[Start of section]
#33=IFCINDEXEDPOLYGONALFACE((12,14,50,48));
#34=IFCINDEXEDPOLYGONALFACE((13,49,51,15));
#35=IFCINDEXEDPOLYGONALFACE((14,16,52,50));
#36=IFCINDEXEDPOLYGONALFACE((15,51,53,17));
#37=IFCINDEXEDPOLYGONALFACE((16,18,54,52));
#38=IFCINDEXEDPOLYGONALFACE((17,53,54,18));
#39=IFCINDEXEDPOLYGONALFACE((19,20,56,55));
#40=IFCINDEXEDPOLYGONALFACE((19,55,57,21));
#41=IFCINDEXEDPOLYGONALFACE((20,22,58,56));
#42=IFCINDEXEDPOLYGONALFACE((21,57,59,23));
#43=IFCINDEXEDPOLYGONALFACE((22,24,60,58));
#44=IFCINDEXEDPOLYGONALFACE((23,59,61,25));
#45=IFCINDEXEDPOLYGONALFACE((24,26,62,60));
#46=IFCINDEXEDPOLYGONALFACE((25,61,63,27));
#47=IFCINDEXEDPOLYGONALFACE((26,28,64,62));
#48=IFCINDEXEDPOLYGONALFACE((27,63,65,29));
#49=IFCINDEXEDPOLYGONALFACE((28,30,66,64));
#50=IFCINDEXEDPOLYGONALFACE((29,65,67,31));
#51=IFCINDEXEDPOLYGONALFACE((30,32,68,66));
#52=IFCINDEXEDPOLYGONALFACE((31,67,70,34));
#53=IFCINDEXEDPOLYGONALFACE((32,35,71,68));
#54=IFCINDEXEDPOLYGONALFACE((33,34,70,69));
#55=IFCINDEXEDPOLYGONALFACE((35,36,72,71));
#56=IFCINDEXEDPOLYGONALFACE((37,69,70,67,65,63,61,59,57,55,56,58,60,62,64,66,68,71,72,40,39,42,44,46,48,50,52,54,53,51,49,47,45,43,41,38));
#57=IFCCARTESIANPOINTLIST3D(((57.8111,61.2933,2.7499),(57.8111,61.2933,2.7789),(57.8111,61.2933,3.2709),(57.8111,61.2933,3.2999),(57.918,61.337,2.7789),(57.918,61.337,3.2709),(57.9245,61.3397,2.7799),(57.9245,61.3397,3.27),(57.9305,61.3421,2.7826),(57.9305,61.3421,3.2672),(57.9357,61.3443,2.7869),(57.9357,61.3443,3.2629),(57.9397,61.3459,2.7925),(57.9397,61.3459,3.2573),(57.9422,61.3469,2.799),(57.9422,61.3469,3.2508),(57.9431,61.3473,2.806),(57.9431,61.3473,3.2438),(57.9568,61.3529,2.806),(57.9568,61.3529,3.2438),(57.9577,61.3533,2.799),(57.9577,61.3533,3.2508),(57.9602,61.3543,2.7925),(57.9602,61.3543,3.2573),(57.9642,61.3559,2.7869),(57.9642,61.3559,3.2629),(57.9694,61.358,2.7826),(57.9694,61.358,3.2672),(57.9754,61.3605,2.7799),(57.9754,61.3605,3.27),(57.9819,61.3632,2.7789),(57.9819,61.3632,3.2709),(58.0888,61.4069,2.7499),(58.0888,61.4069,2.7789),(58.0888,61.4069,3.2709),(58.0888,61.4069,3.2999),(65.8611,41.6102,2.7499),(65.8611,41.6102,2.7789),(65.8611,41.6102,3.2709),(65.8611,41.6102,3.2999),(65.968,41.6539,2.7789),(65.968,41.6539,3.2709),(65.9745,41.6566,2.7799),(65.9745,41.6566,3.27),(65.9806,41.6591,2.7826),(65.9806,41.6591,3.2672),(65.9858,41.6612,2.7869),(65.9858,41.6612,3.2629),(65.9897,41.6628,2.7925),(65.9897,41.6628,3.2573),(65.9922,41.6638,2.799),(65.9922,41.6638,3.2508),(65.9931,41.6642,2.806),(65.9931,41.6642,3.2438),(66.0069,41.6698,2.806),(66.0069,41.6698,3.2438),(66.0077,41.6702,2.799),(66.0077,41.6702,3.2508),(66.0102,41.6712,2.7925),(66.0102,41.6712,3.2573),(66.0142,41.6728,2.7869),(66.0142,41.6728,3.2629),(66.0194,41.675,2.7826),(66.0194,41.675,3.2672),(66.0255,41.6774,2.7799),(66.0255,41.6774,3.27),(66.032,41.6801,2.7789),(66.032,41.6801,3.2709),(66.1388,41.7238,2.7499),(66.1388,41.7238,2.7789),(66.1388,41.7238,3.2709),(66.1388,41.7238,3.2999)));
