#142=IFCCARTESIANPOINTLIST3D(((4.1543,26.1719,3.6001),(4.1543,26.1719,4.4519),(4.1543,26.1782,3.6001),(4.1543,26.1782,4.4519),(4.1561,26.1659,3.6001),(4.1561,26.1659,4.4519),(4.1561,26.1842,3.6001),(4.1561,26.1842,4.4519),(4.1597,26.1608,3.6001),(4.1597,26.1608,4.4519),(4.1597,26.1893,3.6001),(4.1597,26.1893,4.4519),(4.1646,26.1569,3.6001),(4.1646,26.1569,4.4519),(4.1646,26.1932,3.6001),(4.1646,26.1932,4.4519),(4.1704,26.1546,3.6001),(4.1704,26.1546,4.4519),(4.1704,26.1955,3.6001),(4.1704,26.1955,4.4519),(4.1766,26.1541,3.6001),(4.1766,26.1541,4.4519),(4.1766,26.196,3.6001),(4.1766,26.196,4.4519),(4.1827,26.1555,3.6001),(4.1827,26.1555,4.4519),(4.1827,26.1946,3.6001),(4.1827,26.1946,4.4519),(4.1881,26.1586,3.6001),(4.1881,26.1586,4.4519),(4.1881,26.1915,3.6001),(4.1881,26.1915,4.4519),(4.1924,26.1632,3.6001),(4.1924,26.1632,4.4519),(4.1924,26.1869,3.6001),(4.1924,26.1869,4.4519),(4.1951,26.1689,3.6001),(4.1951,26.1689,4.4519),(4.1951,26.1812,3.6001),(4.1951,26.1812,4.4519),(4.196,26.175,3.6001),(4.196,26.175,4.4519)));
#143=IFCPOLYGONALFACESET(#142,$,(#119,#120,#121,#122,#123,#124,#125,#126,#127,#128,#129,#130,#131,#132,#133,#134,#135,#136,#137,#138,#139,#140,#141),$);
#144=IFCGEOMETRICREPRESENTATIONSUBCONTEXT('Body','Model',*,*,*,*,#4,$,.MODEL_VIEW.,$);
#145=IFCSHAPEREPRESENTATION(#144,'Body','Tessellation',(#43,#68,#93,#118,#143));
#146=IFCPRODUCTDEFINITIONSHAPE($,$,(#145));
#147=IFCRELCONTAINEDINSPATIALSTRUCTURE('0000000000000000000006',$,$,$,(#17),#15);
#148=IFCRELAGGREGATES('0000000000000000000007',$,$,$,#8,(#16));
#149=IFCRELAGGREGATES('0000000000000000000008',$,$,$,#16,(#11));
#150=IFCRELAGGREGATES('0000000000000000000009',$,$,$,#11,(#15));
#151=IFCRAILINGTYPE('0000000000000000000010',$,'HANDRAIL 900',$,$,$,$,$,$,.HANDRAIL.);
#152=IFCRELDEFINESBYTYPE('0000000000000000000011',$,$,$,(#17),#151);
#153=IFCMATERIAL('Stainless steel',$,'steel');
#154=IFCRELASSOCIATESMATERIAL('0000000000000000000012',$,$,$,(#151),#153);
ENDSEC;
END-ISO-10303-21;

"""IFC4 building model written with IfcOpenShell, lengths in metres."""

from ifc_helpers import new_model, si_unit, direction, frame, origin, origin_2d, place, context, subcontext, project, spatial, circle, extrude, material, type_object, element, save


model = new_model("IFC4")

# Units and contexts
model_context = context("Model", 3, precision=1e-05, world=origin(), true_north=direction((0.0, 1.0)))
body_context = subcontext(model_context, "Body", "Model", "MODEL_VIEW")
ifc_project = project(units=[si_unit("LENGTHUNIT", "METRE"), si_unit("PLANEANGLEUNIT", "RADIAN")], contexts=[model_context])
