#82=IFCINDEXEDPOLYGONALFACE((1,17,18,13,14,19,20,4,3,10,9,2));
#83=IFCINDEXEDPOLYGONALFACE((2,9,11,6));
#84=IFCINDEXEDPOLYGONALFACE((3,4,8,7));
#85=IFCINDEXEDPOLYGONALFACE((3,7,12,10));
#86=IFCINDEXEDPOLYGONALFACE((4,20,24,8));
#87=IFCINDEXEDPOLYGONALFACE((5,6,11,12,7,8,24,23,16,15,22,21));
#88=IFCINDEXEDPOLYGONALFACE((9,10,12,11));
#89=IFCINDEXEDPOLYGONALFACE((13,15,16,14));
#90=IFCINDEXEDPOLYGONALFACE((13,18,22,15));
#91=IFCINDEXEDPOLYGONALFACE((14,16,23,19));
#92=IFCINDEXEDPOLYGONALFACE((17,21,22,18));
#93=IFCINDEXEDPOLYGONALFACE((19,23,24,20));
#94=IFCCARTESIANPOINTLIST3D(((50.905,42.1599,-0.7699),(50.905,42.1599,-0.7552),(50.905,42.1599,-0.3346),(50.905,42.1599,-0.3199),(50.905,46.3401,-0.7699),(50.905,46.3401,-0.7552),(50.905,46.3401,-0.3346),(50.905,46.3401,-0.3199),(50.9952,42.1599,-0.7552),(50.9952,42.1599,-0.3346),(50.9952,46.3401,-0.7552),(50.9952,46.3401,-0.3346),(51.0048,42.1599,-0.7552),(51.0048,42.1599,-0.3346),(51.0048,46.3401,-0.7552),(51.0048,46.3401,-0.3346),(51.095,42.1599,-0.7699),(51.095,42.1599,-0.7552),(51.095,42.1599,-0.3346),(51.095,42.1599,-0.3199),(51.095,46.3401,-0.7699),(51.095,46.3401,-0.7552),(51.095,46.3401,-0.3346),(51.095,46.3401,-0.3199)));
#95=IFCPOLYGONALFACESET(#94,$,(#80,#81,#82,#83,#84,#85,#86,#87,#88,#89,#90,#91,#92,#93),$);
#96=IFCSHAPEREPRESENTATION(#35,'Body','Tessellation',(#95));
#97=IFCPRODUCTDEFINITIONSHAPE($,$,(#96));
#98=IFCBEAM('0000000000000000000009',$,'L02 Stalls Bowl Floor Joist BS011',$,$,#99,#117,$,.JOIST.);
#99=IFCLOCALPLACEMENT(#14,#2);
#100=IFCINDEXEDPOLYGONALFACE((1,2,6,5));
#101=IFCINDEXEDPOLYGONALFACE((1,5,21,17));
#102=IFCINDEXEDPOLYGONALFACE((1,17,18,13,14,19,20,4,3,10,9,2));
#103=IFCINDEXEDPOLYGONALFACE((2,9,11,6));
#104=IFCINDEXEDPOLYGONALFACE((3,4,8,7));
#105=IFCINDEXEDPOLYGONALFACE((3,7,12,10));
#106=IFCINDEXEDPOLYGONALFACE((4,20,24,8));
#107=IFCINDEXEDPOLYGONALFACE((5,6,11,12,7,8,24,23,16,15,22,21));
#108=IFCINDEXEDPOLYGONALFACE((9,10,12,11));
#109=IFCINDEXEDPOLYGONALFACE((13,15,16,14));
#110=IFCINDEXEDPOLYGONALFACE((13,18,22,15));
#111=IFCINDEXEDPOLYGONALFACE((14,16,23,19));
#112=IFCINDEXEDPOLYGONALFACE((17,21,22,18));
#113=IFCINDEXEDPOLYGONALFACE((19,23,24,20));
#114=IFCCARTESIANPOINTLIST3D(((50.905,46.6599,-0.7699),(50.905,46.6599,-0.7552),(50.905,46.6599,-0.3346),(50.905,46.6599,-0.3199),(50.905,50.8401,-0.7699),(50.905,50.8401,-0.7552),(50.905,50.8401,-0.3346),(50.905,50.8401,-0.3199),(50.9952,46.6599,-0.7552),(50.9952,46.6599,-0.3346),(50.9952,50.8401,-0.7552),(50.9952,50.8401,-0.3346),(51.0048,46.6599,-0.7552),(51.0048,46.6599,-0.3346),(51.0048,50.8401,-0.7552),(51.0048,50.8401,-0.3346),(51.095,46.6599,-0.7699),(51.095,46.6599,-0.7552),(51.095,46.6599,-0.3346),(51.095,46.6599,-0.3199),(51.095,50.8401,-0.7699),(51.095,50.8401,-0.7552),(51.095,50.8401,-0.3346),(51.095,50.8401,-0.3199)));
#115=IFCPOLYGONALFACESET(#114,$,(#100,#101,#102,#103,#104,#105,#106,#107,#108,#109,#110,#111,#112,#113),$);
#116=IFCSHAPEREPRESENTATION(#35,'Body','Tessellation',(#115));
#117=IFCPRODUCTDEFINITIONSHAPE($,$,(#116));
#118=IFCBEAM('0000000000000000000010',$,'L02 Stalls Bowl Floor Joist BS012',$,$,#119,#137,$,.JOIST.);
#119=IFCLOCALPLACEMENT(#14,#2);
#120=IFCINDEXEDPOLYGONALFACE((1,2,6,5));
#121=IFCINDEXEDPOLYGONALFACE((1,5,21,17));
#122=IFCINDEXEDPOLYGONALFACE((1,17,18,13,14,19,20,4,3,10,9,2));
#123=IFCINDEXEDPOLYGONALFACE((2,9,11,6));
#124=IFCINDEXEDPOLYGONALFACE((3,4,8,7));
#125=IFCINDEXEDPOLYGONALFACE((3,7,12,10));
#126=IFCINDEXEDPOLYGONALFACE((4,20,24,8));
[End of section]
§ TASK STATEMENT: Starting with the line with "#47=IFCINDEXEDPOLYGONALFACE((26,28,64,62));" above and going on through the line with "#53=IFCINDEXEDPOLYGONALFACE((32,35,71,68));", transcribe every line exactly, both ends included, and add nothing.

§ ANSWER TO THIS EXERCISE:
#47=IFCINDEXEDPOLYGONALFACE((26,28,64,62));
#48=IFCINDEXEDPOLYGONALFACE((27,63,65,29));
#49=IFCINDEXEDPOLYGONALFACE((28,30,66,64));
#50=IFCINDEXEDPOLYGONALFACE((29,65,67,31));
#51=IFCINDEXEDPOLYGONALFACE((30,32,68,66));
#52=IFCINDEXEDPOLYGONALFACE((31,67,70,34));
#53=IFCINDEXEDPOLYGONALFACE((32,35,71,68));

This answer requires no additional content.